======== EXCERPTED DATA ========

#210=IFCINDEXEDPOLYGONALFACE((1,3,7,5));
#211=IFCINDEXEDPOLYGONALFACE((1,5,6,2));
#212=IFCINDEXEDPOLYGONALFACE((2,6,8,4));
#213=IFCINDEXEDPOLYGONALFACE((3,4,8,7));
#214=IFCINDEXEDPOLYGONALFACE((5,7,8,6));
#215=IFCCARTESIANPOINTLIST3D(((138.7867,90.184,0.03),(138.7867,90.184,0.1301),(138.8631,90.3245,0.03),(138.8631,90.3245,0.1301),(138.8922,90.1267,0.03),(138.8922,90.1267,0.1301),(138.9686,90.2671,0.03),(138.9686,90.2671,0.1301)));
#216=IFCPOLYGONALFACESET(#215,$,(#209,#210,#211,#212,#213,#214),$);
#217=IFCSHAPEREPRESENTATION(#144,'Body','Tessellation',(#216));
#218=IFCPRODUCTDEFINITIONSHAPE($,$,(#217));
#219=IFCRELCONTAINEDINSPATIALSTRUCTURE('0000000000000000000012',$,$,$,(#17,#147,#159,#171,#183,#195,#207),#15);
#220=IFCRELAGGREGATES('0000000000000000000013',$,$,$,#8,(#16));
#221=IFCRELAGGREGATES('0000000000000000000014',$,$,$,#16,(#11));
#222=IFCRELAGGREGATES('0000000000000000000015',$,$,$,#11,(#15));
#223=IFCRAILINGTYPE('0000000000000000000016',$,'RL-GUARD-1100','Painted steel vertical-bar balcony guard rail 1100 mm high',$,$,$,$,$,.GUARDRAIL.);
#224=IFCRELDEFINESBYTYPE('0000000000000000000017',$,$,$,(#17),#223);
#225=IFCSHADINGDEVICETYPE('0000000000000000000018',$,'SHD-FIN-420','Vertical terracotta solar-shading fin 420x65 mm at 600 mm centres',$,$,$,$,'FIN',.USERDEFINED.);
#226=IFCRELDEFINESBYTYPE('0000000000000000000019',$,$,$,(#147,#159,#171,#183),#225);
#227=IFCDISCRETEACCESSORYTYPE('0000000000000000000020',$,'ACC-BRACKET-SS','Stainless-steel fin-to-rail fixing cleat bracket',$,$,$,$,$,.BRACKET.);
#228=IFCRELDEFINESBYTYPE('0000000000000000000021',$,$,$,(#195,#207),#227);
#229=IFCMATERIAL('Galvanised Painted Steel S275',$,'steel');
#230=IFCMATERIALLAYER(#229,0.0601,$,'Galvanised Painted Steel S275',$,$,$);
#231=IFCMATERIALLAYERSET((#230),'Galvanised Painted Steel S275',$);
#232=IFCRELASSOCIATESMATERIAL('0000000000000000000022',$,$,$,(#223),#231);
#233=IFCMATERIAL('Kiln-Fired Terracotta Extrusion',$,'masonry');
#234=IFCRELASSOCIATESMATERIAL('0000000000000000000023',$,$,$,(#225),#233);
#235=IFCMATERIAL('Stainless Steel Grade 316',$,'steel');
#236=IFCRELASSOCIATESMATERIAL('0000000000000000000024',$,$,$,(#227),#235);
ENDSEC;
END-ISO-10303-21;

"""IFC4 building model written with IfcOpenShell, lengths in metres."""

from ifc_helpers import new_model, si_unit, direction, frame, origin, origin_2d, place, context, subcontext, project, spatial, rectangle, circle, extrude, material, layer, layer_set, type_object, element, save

========

TASK PROMPT: From the records above, give again exactly the lines running from the line with "#218=IFCPRODUCTDEFINITIONSHAPE($,$,(#217));" to the line with "600 mm centres',$,$,$,$,'FIN',.USERDEFINED.);", inclusive.

OUTPUT OF THE TASK:
#218=IFCPRODUCTDEFINITIONSHAPE($,$,(#217));
#219=IFCRELCONTAINEDINSPATIALSTRUCTURE('0000000000000000000012',$,$,$,(#17,#147,#159,#171,#183,#195,#207),#15);
#220=IFCRELAGGREGATES('0000000000000000000013',$,$,$,#8,(#16));
#221=IFCRELAGGREGATES('0000000000000000000014',$,$,$,#16,(#11));
#222=IFCRELAGGREGATES('0000000000000000000015',$,$,$,#11,(#15));
#223=IFCRAILINGTYPE('0000000000000000000016',$,'RL-GUARD-1100','Painted steel vertical-bar balcony guard rail 1100 mm high',$,$,$,$,$,.GUARDRAIL.);
#224=IFCRELDEFINESBYTYPE('0000000000000000000017',$,$,$,(#17),#223);
#225=IFCSHADINGDEVICETYPE('0000000000000000000018',$,'SHD-FIN-420','Vertical terracotta solar-shading fin 420x65 mm at 600 mm centres',$,$,$,$,'FIN',.USERDEFINED.);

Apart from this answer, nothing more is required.